(Stored items)
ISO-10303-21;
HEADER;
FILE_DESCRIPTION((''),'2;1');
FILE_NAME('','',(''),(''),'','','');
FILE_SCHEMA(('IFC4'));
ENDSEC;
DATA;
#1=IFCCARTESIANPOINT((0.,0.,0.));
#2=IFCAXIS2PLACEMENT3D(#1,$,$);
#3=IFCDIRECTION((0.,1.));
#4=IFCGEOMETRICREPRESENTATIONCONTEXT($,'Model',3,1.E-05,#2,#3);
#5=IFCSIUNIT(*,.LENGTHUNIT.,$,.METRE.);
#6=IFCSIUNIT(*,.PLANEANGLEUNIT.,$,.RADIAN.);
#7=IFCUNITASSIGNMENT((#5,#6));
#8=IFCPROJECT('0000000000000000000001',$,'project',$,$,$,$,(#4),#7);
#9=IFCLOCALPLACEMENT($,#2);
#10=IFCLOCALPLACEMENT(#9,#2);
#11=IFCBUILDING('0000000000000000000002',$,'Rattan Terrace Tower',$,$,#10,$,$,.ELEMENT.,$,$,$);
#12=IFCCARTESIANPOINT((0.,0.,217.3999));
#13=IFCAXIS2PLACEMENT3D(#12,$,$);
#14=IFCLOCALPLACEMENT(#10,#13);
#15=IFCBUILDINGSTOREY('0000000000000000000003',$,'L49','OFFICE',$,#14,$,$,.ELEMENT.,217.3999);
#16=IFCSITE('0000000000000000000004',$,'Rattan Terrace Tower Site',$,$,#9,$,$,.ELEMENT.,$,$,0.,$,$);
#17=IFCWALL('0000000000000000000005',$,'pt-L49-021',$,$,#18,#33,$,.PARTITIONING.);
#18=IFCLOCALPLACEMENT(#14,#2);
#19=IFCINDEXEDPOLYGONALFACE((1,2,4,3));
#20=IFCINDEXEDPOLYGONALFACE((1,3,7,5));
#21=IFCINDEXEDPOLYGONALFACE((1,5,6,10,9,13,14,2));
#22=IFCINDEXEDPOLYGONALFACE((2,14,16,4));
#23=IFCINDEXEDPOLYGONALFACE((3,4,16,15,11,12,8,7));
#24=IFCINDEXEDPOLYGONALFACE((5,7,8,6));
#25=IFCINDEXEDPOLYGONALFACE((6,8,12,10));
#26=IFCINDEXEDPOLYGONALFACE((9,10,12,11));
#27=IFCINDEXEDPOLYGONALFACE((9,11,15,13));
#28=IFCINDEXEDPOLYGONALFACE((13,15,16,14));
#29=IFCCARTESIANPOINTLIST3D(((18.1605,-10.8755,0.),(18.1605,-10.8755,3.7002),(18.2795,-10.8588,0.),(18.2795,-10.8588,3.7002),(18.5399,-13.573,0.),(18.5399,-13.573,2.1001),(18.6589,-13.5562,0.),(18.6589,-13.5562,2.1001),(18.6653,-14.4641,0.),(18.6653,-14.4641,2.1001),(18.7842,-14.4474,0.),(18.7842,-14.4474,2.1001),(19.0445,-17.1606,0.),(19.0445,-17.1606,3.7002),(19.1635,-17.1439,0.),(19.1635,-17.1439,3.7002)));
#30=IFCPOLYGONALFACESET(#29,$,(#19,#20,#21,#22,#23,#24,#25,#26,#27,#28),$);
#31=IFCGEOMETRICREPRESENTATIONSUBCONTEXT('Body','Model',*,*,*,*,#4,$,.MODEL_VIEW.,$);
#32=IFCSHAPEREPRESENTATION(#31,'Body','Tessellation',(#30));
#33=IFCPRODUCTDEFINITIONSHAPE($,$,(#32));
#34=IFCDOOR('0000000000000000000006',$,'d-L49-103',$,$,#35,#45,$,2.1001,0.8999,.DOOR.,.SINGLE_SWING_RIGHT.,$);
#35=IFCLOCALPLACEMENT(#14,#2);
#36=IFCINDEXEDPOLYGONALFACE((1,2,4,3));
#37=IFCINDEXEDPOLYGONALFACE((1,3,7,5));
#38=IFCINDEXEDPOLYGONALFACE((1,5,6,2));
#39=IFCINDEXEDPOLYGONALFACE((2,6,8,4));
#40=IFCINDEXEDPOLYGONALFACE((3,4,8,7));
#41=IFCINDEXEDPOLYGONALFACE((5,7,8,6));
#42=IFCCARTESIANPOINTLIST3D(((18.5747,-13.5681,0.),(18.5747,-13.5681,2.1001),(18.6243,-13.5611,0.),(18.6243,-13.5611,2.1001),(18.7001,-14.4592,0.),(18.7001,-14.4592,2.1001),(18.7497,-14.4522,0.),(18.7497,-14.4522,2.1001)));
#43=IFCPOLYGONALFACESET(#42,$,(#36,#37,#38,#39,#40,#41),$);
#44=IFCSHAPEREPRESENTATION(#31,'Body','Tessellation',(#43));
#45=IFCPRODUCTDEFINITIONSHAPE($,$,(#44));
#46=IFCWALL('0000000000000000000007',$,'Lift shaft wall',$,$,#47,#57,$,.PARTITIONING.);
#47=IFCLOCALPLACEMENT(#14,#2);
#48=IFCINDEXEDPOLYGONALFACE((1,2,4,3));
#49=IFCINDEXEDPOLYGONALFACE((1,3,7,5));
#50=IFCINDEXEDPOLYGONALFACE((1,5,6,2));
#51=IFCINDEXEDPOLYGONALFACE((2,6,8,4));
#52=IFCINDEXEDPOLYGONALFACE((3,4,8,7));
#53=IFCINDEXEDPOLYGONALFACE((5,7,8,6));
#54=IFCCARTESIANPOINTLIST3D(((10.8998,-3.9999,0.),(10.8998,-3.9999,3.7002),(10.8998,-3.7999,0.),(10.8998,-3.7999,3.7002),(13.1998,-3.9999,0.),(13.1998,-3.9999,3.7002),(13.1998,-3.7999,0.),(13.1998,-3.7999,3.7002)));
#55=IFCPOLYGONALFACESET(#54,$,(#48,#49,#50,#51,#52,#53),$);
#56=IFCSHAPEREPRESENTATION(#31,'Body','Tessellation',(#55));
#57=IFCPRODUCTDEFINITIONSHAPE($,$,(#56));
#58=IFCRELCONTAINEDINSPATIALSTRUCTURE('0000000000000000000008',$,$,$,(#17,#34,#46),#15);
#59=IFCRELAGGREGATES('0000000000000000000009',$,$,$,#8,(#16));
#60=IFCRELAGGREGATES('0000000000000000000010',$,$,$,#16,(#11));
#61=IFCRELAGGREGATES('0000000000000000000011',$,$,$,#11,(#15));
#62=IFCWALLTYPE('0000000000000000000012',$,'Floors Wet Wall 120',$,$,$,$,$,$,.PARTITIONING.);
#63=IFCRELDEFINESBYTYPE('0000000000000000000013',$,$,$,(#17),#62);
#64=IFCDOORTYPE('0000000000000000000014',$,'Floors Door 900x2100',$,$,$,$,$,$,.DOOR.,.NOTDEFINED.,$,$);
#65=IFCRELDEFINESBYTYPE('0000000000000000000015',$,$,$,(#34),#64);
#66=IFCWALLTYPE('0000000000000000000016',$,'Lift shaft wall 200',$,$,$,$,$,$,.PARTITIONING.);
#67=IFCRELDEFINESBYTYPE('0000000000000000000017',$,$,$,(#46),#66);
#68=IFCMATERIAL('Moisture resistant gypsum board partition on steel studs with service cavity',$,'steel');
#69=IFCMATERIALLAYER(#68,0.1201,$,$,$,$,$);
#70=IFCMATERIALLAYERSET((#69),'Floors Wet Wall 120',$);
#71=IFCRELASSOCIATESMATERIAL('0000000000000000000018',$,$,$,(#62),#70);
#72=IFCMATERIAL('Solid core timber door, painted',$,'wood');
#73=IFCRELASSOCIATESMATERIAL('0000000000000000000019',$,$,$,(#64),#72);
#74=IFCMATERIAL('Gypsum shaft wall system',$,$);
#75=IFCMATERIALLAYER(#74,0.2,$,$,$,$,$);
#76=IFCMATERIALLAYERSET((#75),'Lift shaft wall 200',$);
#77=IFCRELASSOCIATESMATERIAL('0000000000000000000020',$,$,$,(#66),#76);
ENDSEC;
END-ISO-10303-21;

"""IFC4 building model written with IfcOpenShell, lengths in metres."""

from ifc_helpers import new_model, si_unit, direction, frame, frame_2d, origin, place, context, subcontext, project, spatial, rectangle, extrude, material, layer, layer_set, type_object, element, fill, save


model = new_model("IFC4")

# Units and contexts
model_context = context("Model", 3, precision=1e-05, world=origin(), true_north=direction((0.0, 1.0)))
body_context = subcontext(model_context, "Body", "Model", "MODEL_VIEW")
ifc_project = project(units=[si_unit("LENGTHUNIT", "METRE"), si_unit("PLANEANGLEUNIT", "RADIAN")], contexts=[model_context])

# Site, building, storey
site_placement = place(None, origin())
site = spatial("IfcSite", under=ifc_project, at=site_placement, Name="Rattan Terrace Tower Site", CompositionType="ELEMENT", RefElevation=0.0)
building_placement = place(site_placement, origin())
building = spatial("IfcBuilding", under=site, at=building_placement, Name="Rattan Terrace Tower", CompositionType="ELEMENT")
storey_placement = place(building_placement, frame((0.0, 0.0, 217.3999)))
storey = spatial("IfcBuildingStorey", under=building, at=storey_placement, Name="L49", Description="OFFICE", CompositionType="ELEMENT", Elevation=217.3999)

# Wall, opening, door
ifc_material_1 = material(Name="Moisture resistant gypsum board partition on steel studs with service cavity", Category="steel")
ifc_layer_1 = layer(ifc_material_1, 0.1201)
ifc_layer_set_1 = layer_set([ifc_layer_1], Name="Floors Wet Wall 120")
wall_type_1 = type_object("IfcWallType", Name="Floors Wet Wall 120", PredefinedType="PARTITIONING", material=ifc_layer_set_1)
wall_1_placement = place(storey_placement, frame((19.104, -17.1521, 0.0), z_axis=(0.0, 0.0, 1.0), x_axis=(-0.139283, 0.990253, 0.0)))
wall_1 = element("IfcWall", 1, at=wall_1_placement, inside=storey, type_object=wall_type_1, Name="pt-L49-021", PredefinedType="PARTITIONING", context=body_context, shape_type="SweptSolid", body=[
    extrude(rectangle(XDim=6.3469, YDim=0.1201, at=frame_2d((3.1733, 0.0))), origin(), (0.0, 0.0, 1.0), 3.7002),
])
opening_1_placement = place(wall_1_placement, frame((2.7229, 0.0, 0.0)))
opening_1 = element("IfcOpeningElement", 2, at=opening_1_placement, cuts=wall_1, PredefinedType="OPENING", context=body_context, shape_type="SweptSolid", body=[
    extrude(rectangle(XDim=0.8999, YDim=2.1001, at=frame_2d((0.45, 1.05))), frame((0.0, 0.0706, 0.0), z_axis=(0.0, -1.0, 0.0), x_axis=(1.0, 0.0, 0.0)), (0.0, 0.0, 1.0), 0.1411),
])
ifc_material_2 = material(Name="Solid core timber door, painted", Category="wood")
door_type_1 = type_object("IfcDoorType", Name="Floors Door 900x2100", OperationType="NOTDEFINED", PredefinedType="DOOR", material=ifc_material_2)
door_1_placement = place(opening_1_placement, origin())
door_1 = element("IfcDoor", 3, at=door_1_placement, inside=storey, type_object=door_type_1, Name="d-L49-103", OperationType="SINGLE_SWING_RIGHT", OverallHeight=2.1001, OverallWidth=0.8999, PredefinedType="DOOR", context=body_context, shape_type="SweptSolid", body=[
    extrude(rectangle(XDim=0.8999, YDim=2.1001, at=frame_2d((0.45, 1.05))), frame((0.0, 0.0249, 0.0), z_axis=(0.0, -1.0, 0.0), x_axis=(1.0, 0.0, 0.0)), (0.0, 0.0, 1.0), 0.05),
])
fill(opening_1, door_1)

# Wall
ifc_material_3 = material(Name="Gypsum shaft wall system")
ifc_layer_2 = layer(ifc_material_3, 0.2)
ifc_layer_set_2 = layer_set([ifc_layer_2], Name="Lift shaft wall 200")
wall_type_2 = type_object("IfcWallType", Name="Lift shaft wall 200", PredefinedType="PARTITIONING", material=ifc_layer_set_2)
wall_2_placement = place(storey_placement, frame((10.8999, -3.8999, 0.0), z_axis=(0.0, 0.0, 1.0), x_axis=(1.0, 0.0, 0.0)))
element("IfcWall", 4, at=wall_2_placement, inside=storey, type_object=wall_type_2, Name="Lift shaft wall", PredefinedType="PARTITIONING", context=body_context, shape_type="SweptSolid", body=[
    extrude(rectangle(XDim=2.3, YDim=0.2, at=frame_2d((1.1499, 0.0))), origin(), (0.0, 0.0, 1.0), 3.7002),
])

save(model, "model.ifc")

# Exercise prompt
One number is the expected answer: the count of lines above that hold the word "IFCRELDEFINESBYTYPE".

# Exercise output
3